• _Work instructions_
Transcribe the data below exactly, but only from the line containing "#111=IFCINDEXEDPOLYGONALFACE((2,6,8,4));" through its final line, both included.

• _Provided entries_
|---|

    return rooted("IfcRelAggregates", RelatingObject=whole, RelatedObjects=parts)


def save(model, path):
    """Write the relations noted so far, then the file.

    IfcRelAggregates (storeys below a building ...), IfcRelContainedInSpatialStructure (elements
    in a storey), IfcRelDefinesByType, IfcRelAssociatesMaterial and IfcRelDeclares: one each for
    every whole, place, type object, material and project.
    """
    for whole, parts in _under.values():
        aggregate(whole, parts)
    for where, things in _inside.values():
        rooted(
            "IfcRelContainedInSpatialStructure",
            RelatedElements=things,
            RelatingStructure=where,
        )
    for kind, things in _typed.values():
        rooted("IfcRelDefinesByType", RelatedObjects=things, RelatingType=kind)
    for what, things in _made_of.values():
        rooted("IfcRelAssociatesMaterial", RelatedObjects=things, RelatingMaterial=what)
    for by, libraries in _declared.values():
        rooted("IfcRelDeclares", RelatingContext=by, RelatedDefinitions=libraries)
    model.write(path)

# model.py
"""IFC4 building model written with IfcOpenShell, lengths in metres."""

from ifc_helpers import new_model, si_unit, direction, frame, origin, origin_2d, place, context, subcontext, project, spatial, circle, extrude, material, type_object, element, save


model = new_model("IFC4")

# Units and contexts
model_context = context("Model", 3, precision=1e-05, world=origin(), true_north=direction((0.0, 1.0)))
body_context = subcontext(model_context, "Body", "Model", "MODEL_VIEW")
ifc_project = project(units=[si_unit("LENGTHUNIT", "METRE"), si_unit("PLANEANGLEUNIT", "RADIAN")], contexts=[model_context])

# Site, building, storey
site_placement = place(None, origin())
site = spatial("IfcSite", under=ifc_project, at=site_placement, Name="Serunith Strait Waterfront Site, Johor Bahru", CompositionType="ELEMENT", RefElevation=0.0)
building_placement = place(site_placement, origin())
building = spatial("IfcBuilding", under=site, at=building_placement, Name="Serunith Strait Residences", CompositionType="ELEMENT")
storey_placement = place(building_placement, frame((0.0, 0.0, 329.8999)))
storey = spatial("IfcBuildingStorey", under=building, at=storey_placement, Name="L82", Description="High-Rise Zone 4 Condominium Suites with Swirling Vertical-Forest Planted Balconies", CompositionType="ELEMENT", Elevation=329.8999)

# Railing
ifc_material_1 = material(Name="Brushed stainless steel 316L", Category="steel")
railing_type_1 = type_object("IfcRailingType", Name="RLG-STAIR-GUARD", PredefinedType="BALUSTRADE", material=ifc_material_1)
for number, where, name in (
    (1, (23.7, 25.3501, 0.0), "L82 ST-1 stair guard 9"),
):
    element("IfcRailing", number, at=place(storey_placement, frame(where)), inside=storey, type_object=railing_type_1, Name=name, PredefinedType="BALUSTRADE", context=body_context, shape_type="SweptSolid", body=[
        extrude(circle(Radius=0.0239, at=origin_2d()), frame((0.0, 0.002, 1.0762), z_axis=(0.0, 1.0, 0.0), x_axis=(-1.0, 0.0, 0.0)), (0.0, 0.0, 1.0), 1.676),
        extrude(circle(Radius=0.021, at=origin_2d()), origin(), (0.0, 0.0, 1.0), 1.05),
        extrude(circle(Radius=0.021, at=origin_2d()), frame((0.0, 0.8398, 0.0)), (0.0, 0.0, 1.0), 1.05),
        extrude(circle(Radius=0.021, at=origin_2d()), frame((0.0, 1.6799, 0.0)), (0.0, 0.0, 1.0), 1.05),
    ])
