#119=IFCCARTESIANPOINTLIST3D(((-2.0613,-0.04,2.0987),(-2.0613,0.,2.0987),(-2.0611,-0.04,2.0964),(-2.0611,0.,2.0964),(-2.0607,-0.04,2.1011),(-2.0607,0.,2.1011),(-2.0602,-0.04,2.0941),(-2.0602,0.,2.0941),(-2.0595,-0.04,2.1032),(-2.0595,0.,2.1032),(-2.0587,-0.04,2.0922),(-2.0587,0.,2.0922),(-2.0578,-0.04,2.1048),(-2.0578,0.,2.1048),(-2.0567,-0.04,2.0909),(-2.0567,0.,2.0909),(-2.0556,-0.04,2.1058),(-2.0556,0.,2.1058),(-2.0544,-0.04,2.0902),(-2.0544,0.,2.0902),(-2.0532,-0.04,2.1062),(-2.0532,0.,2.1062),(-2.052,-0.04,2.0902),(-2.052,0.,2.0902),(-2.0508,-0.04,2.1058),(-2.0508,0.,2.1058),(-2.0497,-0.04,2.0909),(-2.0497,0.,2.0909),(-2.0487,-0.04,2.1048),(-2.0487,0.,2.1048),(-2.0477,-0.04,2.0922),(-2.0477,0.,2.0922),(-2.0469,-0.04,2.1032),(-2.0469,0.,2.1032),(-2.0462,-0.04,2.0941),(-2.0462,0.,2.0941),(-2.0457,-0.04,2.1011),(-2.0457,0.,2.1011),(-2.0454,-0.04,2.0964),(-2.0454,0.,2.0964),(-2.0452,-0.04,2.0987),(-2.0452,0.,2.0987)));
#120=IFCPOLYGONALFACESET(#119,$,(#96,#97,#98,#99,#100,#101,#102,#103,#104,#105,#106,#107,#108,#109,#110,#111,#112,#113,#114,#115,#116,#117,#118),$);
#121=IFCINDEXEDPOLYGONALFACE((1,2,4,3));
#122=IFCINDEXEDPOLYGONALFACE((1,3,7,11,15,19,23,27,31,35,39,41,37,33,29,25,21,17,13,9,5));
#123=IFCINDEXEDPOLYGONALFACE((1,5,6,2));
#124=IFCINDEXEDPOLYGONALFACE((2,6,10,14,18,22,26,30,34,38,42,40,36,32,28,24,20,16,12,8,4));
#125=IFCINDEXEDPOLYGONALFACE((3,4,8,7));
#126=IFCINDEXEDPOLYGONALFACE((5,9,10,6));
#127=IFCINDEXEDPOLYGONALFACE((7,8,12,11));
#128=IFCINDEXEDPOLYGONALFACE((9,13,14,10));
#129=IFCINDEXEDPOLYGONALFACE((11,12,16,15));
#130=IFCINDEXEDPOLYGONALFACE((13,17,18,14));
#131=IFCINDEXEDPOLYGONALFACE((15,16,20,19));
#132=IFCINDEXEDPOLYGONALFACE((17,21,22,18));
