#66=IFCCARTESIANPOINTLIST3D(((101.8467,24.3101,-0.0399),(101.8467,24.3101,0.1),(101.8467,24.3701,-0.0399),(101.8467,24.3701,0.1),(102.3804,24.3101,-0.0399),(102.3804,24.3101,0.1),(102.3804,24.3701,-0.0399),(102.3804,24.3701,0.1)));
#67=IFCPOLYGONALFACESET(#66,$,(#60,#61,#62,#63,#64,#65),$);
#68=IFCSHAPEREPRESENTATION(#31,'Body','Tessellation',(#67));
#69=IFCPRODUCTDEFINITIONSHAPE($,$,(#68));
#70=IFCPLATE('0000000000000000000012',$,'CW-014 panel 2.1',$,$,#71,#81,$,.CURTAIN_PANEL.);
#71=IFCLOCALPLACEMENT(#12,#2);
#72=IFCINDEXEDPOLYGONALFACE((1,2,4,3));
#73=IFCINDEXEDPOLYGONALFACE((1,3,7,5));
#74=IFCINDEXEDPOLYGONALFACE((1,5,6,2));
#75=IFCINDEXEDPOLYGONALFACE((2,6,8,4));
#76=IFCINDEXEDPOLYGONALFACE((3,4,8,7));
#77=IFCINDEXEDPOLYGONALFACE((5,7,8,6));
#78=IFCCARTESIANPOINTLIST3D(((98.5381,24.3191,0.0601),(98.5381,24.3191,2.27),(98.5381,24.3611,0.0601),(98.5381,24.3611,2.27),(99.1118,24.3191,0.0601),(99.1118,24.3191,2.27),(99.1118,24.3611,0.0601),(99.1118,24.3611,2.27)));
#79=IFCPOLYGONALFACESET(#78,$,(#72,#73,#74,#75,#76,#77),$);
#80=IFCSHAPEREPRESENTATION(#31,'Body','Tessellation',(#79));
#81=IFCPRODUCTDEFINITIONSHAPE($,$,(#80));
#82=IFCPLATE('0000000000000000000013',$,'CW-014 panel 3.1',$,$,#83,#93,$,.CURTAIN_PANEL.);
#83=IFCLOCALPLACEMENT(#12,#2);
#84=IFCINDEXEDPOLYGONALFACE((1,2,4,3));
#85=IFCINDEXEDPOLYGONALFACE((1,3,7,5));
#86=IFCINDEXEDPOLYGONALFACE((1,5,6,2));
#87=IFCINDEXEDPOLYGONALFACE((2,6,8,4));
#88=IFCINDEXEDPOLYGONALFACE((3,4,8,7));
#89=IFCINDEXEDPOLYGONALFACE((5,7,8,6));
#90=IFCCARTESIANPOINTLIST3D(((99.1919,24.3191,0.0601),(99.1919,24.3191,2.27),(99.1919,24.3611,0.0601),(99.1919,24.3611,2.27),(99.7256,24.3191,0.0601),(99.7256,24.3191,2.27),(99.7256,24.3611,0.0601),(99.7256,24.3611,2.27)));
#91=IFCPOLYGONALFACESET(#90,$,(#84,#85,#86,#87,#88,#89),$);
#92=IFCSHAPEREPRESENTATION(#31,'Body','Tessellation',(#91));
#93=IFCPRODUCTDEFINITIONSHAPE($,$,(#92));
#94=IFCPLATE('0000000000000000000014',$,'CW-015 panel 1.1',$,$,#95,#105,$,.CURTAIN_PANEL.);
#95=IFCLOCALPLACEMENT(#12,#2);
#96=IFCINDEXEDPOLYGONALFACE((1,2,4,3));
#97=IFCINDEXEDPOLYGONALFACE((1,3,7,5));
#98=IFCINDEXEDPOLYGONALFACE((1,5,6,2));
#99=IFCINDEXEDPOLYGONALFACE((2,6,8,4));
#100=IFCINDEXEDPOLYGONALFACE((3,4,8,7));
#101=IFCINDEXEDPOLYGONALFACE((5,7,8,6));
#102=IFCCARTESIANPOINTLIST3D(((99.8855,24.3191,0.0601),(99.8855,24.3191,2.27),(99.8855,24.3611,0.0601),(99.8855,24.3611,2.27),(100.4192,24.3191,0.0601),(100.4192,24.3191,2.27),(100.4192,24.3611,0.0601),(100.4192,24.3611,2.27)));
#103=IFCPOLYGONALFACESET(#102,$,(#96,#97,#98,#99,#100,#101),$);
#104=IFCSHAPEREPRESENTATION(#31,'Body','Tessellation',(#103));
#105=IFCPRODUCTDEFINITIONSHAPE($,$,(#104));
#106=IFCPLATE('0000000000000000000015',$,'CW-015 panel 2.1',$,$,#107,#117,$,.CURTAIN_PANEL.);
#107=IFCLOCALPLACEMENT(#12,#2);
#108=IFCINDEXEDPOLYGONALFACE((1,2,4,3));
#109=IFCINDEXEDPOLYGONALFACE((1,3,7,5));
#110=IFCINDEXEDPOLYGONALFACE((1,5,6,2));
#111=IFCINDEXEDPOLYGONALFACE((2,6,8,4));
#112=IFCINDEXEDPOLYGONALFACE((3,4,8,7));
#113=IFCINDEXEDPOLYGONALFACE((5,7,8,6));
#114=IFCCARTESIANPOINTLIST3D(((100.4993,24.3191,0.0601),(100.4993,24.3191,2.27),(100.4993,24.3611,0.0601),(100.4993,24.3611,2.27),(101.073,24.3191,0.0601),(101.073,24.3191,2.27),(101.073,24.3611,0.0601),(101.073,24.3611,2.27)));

|---|

• _Exercise response_
#111=IFCINDEXEDPOLYGONALFACE((2,6,8,4));
#112=IFCINDEXEDPOLYGONALFACE((3,4,8,7));
#113=IFCINDEXEDPOLYGONALFACE((5,7,8,6));
#114=IFCCARTESIANPOINTLIST3D(((100.4993,24.3191,0.0601),(100.4993,24.3191,2.27),(100.4993,24.3611,0.0601),(100.4993,24.3611,2.27),(101.073,24.3191,0.0601),(101.073,24.3191,2.27),(101.073,24.3611,0.0601),(101.073,24.3611,2.27)));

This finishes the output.